— Work instructions —
Locate the line that contains "#131=IFCLOCALPLACEMENT(#14,#2);" in the entries below, then repeat it and every following line through the line that contains "#149=IFCINDEXEDPOLYGONALFACE((5,7,8,6));", exactly, and no others.

Stored items:
┌──

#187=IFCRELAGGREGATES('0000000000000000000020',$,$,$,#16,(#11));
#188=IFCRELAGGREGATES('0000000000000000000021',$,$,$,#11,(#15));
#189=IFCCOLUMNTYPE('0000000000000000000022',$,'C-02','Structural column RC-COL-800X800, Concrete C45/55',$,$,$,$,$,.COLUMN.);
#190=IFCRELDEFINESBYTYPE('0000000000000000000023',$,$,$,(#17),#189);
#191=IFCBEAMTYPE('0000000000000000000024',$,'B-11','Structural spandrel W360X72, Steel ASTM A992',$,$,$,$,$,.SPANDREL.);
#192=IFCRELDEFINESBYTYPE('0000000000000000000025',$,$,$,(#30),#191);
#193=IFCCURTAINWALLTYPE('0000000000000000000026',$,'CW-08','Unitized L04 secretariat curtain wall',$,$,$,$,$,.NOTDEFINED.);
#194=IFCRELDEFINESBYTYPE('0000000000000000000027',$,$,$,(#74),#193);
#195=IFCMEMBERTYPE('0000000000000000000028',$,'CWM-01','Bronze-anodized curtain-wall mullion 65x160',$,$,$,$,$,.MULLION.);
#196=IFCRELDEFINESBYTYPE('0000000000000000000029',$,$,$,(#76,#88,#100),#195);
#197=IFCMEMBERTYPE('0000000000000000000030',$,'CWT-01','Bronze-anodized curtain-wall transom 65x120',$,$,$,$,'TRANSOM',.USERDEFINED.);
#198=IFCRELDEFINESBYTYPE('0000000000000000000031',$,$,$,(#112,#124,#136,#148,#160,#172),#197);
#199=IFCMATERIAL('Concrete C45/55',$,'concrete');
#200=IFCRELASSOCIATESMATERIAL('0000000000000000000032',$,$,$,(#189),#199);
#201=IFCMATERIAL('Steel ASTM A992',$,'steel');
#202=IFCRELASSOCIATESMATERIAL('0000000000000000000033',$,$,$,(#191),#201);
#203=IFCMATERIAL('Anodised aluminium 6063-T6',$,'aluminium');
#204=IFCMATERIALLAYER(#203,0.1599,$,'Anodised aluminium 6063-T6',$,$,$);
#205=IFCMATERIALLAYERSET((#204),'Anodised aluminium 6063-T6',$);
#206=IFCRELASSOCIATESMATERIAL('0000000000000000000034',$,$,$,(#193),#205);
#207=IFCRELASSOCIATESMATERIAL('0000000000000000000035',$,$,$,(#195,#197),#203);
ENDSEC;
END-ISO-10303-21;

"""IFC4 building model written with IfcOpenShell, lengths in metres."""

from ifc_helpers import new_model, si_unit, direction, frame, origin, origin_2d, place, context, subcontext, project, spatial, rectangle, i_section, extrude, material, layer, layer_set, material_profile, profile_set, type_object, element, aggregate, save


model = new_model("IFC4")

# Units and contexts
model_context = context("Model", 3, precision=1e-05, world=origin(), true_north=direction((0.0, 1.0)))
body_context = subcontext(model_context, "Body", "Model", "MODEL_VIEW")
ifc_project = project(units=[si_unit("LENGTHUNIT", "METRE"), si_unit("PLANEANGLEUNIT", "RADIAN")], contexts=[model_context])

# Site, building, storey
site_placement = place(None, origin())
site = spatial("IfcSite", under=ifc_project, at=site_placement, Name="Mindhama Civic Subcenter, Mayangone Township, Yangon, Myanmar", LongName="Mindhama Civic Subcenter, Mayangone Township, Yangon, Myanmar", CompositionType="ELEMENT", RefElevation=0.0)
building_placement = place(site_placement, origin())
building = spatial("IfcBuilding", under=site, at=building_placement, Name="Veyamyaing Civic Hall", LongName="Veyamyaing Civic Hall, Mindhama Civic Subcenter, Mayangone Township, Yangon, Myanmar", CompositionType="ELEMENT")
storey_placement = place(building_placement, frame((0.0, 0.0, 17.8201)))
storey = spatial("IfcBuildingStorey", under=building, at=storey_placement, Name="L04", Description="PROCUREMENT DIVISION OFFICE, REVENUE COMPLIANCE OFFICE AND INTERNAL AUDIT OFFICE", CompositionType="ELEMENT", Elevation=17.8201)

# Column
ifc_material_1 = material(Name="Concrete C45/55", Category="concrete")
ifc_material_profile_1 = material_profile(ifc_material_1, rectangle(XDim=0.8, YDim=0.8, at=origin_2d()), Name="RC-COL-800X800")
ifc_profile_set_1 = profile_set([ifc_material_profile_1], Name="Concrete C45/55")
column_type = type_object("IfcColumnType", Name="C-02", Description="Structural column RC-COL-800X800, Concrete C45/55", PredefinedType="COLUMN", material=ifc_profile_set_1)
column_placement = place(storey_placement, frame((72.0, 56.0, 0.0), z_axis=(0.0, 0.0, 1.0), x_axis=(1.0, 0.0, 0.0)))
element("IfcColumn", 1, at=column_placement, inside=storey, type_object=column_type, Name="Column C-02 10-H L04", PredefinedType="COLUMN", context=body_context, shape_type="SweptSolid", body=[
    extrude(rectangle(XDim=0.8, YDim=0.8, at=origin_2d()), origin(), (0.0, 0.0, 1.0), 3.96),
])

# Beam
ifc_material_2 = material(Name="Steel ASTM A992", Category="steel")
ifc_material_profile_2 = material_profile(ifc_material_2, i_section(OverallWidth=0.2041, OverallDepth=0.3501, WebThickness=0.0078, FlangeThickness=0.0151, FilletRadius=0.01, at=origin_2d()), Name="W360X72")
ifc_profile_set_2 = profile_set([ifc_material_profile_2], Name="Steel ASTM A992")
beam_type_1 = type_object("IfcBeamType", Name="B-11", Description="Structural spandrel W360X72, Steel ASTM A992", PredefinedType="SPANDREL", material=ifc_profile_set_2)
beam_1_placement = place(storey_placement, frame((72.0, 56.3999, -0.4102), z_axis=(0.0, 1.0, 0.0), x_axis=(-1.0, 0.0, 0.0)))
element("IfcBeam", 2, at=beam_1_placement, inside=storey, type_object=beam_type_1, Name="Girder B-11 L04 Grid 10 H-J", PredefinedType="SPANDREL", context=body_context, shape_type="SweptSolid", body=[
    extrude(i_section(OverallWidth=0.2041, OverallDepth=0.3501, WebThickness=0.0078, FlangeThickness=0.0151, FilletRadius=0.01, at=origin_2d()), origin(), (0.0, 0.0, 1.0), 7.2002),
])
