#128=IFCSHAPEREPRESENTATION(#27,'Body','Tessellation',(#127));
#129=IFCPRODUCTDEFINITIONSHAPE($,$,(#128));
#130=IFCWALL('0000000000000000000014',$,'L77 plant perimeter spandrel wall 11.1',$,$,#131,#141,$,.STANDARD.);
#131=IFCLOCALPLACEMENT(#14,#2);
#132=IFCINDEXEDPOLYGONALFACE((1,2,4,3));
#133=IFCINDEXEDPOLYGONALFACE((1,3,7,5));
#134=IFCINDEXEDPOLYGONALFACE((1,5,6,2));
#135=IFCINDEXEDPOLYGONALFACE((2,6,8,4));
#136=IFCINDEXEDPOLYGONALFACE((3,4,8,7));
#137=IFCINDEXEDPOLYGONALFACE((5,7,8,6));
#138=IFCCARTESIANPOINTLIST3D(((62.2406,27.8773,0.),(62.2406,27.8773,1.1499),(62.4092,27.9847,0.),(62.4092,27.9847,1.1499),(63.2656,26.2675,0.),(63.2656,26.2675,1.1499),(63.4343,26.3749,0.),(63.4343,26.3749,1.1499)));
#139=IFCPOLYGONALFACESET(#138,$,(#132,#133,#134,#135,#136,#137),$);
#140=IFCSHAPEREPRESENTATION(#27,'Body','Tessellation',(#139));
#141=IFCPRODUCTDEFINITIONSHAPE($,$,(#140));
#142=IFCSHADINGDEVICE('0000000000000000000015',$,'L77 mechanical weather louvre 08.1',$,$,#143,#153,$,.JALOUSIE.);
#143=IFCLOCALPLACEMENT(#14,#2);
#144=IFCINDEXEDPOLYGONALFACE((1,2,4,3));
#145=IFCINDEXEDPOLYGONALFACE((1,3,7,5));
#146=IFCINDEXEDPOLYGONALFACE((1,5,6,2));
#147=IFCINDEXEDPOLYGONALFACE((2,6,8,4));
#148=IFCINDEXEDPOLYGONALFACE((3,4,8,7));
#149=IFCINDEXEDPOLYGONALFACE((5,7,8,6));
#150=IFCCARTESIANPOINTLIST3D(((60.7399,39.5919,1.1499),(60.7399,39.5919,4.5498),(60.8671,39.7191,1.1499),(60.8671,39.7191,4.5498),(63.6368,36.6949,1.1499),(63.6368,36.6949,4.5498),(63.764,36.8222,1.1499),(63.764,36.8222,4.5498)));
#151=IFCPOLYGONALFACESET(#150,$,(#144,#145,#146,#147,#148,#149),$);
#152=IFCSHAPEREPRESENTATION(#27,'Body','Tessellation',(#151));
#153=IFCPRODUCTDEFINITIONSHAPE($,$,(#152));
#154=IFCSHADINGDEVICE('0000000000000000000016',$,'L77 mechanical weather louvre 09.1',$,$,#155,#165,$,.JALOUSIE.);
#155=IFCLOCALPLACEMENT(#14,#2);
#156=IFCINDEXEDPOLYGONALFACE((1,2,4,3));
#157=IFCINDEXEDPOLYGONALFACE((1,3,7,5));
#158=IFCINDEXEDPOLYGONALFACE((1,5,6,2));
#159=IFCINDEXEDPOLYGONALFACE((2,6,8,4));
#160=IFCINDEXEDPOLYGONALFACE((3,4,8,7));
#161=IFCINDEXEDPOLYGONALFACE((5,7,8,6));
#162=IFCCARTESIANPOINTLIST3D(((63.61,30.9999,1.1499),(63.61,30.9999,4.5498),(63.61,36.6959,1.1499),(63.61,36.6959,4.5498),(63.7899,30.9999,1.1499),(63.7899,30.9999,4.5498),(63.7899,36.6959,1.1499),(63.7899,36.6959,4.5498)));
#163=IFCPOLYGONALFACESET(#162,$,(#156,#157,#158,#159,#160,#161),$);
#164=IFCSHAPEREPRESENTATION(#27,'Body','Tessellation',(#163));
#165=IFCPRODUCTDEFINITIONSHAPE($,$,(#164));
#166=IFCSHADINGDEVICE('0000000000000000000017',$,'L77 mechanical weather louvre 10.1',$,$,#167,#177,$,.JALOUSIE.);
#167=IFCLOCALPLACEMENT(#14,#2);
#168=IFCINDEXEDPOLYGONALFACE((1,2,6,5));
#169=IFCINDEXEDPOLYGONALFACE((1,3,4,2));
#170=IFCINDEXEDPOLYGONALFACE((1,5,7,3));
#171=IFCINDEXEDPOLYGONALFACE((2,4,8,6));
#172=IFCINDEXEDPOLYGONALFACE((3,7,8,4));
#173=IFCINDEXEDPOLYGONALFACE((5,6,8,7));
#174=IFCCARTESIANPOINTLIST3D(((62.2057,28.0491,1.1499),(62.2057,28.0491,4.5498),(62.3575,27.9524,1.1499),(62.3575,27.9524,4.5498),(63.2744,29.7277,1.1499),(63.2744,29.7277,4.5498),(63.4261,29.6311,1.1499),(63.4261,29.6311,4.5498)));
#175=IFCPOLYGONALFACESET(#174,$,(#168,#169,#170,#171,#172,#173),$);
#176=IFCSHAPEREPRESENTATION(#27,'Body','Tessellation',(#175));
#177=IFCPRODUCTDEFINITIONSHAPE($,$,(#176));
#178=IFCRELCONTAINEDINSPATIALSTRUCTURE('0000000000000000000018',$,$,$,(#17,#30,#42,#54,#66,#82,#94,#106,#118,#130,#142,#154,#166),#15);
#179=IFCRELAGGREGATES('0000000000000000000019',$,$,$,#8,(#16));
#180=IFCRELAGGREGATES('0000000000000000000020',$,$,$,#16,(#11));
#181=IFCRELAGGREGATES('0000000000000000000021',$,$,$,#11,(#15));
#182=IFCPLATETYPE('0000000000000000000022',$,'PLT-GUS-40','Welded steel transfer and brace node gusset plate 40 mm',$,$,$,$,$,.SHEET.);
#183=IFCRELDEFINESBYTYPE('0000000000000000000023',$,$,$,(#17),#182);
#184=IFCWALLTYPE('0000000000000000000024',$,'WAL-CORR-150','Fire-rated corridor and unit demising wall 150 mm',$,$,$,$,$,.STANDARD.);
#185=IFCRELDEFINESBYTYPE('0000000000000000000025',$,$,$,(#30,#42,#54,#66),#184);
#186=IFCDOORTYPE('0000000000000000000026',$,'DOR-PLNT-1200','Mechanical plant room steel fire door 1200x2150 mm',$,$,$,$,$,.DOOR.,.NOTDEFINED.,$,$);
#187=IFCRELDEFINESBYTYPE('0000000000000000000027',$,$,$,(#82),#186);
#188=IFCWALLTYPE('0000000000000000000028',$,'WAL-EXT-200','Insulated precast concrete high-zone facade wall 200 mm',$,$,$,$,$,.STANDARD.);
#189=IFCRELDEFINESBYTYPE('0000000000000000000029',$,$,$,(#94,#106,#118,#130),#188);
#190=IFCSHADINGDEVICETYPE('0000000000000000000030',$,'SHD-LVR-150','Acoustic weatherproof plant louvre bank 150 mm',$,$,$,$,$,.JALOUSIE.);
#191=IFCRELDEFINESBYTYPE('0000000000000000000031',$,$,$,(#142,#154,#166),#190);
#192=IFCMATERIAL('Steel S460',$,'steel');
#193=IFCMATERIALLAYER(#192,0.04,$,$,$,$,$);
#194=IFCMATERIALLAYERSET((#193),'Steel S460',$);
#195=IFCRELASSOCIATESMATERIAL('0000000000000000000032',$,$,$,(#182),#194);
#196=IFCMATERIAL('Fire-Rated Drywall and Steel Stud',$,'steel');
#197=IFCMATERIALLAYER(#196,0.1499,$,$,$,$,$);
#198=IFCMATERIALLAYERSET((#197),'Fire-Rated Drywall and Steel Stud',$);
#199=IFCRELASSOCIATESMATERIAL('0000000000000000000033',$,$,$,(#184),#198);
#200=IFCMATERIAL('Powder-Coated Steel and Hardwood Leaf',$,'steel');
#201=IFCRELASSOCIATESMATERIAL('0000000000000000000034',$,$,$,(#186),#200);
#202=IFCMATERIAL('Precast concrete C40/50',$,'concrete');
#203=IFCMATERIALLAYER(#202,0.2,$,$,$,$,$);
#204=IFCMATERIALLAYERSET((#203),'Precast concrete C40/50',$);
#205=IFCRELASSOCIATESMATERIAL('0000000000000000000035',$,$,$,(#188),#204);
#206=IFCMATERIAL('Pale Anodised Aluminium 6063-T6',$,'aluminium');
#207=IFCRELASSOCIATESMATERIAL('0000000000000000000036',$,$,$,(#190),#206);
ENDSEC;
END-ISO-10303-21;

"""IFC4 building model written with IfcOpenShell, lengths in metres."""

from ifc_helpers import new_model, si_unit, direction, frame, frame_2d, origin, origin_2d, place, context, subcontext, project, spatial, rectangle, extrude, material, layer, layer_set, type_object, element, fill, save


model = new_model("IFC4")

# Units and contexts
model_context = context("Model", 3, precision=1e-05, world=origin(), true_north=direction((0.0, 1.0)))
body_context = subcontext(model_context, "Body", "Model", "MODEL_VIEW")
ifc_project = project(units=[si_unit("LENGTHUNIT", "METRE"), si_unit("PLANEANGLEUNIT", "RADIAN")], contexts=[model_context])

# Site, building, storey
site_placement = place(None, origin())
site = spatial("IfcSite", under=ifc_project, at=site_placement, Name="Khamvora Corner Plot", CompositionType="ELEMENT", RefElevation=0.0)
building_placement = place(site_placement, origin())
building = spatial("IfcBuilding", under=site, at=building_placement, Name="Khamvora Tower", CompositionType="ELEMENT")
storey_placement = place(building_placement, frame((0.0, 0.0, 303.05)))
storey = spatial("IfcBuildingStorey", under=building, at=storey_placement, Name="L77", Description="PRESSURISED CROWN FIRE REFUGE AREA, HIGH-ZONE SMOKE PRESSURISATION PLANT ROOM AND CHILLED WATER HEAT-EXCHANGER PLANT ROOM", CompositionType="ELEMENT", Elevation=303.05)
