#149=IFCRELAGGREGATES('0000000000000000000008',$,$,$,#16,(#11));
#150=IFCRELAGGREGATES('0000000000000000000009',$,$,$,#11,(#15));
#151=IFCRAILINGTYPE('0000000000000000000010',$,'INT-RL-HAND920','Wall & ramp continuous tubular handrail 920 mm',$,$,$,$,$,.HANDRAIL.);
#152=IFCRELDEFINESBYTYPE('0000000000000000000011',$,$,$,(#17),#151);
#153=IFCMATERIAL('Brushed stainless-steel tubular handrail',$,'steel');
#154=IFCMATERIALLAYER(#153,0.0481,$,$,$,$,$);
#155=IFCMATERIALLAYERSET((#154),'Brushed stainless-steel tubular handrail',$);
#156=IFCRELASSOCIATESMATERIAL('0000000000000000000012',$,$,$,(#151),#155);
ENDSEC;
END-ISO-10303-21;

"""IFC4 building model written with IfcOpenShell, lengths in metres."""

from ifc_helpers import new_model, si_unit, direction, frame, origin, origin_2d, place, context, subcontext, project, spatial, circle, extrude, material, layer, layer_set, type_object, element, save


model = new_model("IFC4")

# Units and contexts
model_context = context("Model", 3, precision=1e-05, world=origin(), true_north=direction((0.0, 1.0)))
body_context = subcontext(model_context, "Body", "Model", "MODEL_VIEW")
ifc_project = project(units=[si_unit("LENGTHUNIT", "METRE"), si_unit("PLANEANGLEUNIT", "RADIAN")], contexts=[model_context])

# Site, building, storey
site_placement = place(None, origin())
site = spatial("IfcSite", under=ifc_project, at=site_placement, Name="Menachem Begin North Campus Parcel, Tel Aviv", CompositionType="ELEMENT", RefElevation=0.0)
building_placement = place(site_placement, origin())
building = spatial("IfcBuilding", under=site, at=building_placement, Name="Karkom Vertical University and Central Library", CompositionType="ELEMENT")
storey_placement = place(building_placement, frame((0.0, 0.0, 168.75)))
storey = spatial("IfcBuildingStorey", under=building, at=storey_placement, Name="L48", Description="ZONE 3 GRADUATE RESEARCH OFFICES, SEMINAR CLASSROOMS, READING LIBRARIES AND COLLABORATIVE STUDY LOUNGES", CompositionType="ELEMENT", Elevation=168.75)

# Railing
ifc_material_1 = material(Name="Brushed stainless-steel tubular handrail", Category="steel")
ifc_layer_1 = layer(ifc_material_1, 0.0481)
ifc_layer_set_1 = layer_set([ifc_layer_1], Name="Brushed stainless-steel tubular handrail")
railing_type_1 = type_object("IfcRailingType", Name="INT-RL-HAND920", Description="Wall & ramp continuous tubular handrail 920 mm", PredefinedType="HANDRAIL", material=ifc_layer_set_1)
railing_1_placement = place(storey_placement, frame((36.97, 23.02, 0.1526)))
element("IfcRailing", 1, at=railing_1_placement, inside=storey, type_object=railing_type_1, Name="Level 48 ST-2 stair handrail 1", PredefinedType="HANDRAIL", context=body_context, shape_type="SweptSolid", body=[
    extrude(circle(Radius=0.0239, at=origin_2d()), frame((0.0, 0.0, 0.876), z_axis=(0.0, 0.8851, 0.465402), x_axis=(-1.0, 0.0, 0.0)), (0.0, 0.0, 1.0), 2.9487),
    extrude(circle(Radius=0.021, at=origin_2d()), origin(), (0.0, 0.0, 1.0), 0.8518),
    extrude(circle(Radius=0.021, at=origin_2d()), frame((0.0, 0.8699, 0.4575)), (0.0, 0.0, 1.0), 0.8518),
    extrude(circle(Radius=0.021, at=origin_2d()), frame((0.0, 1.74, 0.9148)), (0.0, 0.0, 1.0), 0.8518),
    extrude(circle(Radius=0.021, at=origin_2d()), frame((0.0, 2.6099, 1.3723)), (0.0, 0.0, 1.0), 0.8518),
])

└──

— Response area —
#131=IFCLOCALPLACEMENT(#14,#2);
#132=IFCINDEXEDPOLYGONALFACE((1,2,4,3));
#133=IFCINDEXEDPOLYGONALFACE((1,3,7,5));
#134=IFCINDEXEDPOLYGONALFACE((1,5,6,2));
#135=IFCINDEXEDPOLYGONALFACE((2,6,8,4));
#136=IFCINDEXEDPOLYGONALFACE((3,4,8,7));
#137=IFCINDEXEDPOLYGONALFACE((5,7,8,6));
#138=IFCCARTESIANPOINTLIST3D(((62.2406,27.8773,0.),(62.2406,27.8773,1.1499),(62.4092,27.9847,0.),(62.4092,27.9847,1.1499),(63.2656,26.2675,0.),(63.2656,26.2675,1.1499),(63.4343,26.3749,0.),(63.4343,26.3749,1.1499)));
#139=IFCPOLYGONALFACESET(#138,$,(#132,#133,#134,#135,#136,#137),$);
#140=IFCSHAPEREPRESENTATION(#27,'Body','Tessellation',(#139));
#141=IFCPRODUCTDEFINITIONSHAPE($,$,(#140));
#142=IFCSHADINGDEVICE('0000000000000000000015',$,'L77 mechanical weather louvre 08.1',$,$,#143,#153,$,.JALOUSIE.);
#143=IFCLOCALPLACEMENT(#14,#2);
#144=IFCINDEXEDPOLYGONALFACE((1,2,4,3));
#145=IFCINDEXEDPOLYGONALFACE((1,3,7,5));
#146=IFCINDEXEDPOLYGONALFACE((1,5,6,2));
#147=IFCINDEXEDPOLYGONALFACE((2,6,8,4));
#148=IFCINDEXEDPOLYGONALFACE((3,4,8,7));
#149=IFCINDEXEDPOLYGONALFACE((5,7,8,6));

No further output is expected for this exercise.